> **What you should do**: Needed from the data below: every line from the one with "#82=IFCINDEXEDPOLYGONALFACE((21,25,26,22));" up to and including the one with "#106=IFCINDEXEDPOLYGONALFACE((19,20,24,23));", repeated exactly and with nothing else.

Records for processing below:

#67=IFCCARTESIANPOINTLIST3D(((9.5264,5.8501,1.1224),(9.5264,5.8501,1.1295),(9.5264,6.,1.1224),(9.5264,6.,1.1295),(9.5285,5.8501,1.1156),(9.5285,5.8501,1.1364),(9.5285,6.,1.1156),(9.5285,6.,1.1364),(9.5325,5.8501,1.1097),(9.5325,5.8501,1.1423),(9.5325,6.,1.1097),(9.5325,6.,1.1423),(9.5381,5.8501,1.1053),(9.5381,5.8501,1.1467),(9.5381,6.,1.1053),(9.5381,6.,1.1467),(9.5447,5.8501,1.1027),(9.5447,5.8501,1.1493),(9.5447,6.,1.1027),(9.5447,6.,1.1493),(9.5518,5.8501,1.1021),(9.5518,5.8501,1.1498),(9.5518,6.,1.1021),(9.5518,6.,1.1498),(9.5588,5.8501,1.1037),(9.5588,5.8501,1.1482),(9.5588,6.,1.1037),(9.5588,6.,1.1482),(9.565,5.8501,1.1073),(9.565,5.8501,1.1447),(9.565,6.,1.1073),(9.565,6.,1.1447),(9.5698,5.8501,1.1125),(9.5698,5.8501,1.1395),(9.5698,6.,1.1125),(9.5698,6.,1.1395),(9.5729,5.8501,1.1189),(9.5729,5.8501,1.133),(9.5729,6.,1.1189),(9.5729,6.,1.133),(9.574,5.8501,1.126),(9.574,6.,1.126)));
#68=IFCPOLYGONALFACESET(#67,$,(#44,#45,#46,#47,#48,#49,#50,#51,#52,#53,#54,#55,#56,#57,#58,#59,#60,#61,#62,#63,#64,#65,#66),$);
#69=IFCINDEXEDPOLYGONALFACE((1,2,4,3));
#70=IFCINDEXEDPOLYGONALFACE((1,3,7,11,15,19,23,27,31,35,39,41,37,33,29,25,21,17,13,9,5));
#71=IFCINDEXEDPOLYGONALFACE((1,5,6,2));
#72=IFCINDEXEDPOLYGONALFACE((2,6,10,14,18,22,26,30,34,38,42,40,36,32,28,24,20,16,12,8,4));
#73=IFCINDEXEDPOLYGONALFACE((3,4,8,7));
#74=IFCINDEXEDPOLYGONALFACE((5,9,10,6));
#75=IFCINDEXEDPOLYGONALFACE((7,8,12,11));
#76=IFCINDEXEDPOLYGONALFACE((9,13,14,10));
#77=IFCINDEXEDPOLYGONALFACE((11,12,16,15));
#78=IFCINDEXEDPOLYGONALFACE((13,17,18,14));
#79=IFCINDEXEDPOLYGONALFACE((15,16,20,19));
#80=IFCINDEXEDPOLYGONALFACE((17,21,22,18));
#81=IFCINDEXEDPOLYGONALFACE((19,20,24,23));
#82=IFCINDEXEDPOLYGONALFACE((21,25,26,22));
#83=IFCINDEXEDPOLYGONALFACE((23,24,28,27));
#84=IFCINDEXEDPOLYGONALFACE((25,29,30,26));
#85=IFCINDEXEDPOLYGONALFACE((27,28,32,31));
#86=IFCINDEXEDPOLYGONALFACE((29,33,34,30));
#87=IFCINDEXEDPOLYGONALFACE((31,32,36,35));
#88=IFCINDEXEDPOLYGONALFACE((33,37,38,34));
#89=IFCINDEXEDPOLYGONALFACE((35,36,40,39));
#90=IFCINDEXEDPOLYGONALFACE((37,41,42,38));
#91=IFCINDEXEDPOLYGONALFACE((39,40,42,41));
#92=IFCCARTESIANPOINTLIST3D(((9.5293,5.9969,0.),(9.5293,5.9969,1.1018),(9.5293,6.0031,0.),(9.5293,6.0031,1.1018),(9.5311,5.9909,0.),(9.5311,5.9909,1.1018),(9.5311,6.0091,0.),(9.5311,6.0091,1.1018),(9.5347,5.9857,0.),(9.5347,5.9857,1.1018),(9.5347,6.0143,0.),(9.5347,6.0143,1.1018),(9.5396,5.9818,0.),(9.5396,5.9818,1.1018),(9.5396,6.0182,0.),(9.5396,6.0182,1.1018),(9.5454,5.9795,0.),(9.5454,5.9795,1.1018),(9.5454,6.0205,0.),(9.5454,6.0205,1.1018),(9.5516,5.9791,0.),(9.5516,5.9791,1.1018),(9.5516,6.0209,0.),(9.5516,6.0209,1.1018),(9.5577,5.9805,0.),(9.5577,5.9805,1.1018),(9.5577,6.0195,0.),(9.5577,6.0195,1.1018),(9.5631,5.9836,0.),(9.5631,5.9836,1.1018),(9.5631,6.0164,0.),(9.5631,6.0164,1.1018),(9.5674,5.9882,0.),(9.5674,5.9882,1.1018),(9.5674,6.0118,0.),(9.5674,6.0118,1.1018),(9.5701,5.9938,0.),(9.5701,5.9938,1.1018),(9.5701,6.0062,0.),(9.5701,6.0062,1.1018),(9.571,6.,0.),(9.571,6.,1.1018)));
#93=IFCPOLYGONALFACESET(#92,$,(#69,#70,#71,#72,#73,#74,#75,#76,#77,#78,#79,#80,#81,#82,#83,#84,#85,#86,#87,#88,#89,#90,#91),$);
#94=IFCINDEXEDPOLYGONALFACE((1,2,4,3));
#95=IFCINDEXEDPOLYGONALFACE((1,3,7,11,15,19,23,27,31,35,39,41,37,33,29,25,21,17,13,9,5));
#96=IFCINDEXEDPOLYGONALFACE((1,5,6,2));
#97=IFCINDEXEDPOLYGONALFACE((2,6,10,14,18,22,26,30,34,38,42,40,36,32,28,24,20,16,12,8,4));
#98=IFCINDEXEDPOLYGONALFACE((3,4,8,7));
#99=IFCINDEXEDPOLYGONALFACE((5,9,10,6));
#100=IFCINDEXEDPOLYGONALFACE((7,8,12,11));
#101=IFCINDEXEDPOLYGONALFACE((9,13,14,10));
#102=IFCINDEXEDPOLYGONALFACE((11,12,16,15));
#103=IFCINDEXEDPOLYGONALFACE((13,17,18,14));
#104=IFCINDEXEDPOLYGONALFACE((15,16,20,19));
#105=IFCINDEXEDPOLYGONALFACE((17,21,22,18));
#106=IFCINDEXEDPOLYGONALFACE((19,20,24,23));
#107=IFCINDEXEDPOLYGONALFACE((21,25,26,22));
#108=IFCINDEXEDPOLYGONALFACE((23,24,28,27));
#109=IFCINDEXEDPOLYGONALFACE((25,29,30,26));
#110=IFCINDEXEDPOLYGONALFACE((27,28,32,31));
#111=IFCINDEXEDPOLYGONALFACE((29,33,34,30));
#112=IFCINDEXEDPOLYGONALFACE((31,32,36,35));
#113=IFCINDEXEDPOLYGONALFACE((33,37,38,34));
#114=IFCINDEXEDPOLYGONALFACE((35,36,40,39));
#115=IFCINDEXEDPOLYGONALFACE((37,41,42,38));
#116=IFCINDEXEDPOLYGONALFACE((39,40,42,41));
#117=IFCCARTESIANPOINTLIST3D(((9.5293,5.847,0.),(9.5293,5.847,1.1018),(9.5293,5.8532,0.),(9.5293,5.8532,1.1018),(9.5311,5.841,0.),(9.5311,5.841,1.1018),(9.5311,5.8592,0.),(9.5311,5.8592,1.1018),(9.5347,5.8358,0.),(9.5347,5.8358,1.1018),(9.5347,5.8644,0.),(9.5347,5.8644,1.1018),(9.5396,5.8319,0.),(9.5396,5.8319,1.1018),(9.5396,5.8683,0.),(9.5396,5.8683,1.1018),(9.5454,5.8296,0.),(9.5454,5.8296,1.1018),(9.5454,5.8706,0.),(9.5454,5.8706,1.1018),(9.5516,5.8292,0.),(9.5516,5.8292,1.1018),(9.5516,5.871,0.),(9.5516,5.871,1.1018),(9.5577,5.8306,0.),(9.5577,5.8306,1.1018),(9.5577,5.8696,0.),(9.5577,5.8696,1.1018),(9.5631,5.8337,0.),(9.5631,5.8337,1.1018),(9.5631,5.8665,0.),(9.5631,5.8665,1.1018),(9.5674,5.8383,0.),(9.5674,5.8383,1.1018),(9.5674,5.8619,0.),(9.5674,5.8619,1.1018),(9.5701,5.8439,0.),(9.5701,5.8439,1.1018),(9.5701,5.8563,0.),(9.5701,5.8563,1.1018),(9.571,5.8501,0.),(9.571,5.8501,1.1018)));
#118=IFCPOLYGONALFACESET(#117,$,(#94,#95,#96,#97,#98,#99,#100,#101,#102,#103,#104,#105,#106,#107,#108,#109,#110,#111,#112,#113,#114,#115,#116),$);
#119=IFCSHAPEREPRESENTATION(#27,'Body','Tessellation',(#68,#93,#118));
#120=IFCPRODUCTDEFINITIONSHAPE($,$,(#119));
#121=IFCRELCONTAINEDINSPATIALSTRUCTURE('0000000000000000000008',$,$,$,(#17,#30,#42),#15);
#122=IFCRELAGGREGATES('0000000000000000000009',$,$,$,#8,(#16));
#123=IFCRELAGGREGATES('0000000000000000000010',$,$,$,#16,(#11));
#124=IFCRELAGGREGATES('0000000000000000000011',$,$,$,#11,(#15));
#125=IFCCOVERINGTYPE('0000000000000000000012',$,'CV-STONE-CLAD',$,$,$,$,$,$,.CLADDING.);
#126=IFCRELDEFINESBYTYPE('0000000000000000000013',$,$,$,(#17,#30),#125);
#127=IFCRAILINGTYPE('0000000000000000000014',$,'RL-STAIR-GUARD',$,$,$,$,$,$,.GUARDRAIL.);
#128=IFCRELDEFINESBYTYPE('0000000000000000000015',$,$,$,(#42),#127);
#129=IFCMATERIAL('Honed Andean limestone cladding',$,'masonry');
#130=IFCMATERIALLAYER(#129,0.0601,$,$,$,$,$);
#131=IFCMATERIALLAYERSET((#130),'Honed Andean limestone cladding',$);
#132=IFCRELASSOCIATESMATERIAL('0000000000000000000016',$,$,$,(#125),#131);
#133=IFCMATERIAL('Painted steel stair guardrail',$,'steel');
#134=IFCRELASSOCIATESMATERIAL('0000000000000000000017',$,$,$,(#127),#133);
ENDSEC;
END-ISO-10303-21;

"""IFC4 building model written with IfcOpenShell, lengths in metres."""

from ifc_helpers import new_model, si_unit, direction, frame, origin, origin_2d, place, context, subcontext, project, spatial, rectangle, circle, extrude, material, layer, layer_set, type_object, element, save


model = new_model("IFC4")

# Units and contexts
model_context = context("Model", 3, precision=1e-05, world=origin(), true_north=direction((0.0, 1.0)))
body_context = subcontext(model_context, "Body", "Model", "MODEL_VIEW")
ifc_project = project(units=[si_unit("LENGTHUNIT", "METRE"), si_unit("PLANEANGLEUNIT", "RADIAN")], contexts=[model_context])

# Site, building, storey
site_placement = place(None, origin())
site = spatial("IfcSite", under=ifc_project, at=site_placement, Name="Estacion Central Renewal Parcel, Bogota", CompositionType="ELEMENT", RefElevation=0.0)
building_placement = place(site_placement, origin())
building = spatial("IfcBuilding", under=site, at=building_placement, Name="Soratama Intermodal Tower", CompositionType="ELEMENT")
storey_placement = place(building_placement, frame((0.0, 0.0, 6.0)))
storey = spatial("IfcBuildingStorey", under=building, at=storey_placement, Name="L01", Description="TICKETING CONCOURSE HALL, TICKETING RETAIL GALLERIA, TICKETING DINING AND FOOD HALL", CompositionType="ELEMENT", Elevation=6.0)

End of Records for processing.

> **Expected answer**:
#82=IFCINDEXEDPOLYGONALFACE((21,25,26,22));
#83=IFCINDEXEDPOLYGONALFACE((23,24,28,27));
#84=IFCINDEXEDPOLYGONALFACE((25,29,30,26));
#85=IFCINDEXEDPOLYGONALFACE((27,28,32,31));
#86=IFCINDEXEDPOLYGONALFACE((29,33,34,30));
#87=IFCINDEXEDPOLYGONALFACE((31,32,36,35));
#88=IFCINDEXEDPOLYGONALFACE((33,37,38,34));
#89=IFCINDEXEDPOLYGONALFACE((35,36,40,39));
#90=IFCINDEXEDPOLYGONALFACE((37,41,42,38));
#91=IFCINDEXEDPOLYGONALFACE((39,40,42,41));
#92=IFCCARTESIANPOINTLIST3D(((9.5293,5.9969,0.),(9.5293,5.9969,1.1018),(9.5293,6.0031,0.),(9.5293,6.0031,1.1018),(9.5311,5.9909,0.),(9.5311,5.9909,1.1018),(9.5311,6.0091,0.),(9.5311,6.0091,1.1018),(9.5347,5.9857,0.),(9.5347,5.9857,1.1018),(9.5347,6.0143,0.),(9.5347,6.0143,1.1018),(9.5396,5.9818,0.),(9.5396,5.9818,1.1018),(9.5396,6.0182,0.),(9.5396,6.0182,1.1018),(9.5454,5.9795,0.),(9.5454,5.9795,1.1018),(9.5454,6.0205,0.),(9.5454,6.0205,1.1018),(9.5516,5.9791,0.),(9.5516,5.9791,1.1018),(9.5516,6.0209,0.),(9.5516,6.0209,1.1018),(9.5577,5.9805,0.),(9.5577,5.9805,1.1018),(9.5577,6.0195,0.),(9.5577,6.0195,1.1018),(9.5631,5.9836,0.),(9.5631,5.9836,1.1018),(9.5631,6.0164,0.),(9.5631,6.0164,1.1018),(9.5674,5.9882,0.),(9.5674,5.9882,1.1018),(9.5674,6.0118,0.),(9.5674,6.0118,1.1018),(9.5701,5.9938,0.),(9.5701,5.9938,1.1018),(9.5701,6.0062,0.),(9.5701,6.0062,1.1018),(9.571,6.,0.),(9.571,6.,1.1018)));
#93=IFCPOLYGONALFACESET(#92,$,(#69,#70,#71,#72,#73,#74,#75,#76,#77,#78,#79,#80,#81,#82,#83,#84,#85,#86,#87,#88,#89,#90,#91),$);
#94=IFCINDEXEDPOLYGONALFACE((1,2,4,3));
#95=IFCINDEXEDPOLYGONALFACE((1,3,7,11,15,19,23,27,31,35,39,41,37,33,29,25,21,17,13,9,5));
#96=IFCINDEXEDPOLYGONALFACE((1,5,6,2));
#97=IFCINDEXEDPOLYGONALFACE((2,6,10,14,18,22,26,30,34,38,42,40,36,32,28,24,20,16,12,8,4));
#98=IFCINDEXEDPOLYGONALFACE((3,4,8,7));
#99=IFCINDEXEDPOLYGONALFACE((5,9,10,6));
#100=IFCINDEXEDPOLYGONALFACE((7,8,12,11));
#101=IFCINDEXEDPOLYGONALFACE((9,13,14,10));
#102=IFCINDEXEDPOLYGONALFACE((11,12,16,15));
#103=IFCINDEXEDPOLYGONALFACE((13,17,18,14));
#104=IFCINDEXEDPOLYGONALFACE((15,16,20,19));
#105=IFCINDEXEDPOLYGONALFACE((17,21,22,18));
#106=IFCINDEXEDPOLYGONALFACE((19,20,24,23));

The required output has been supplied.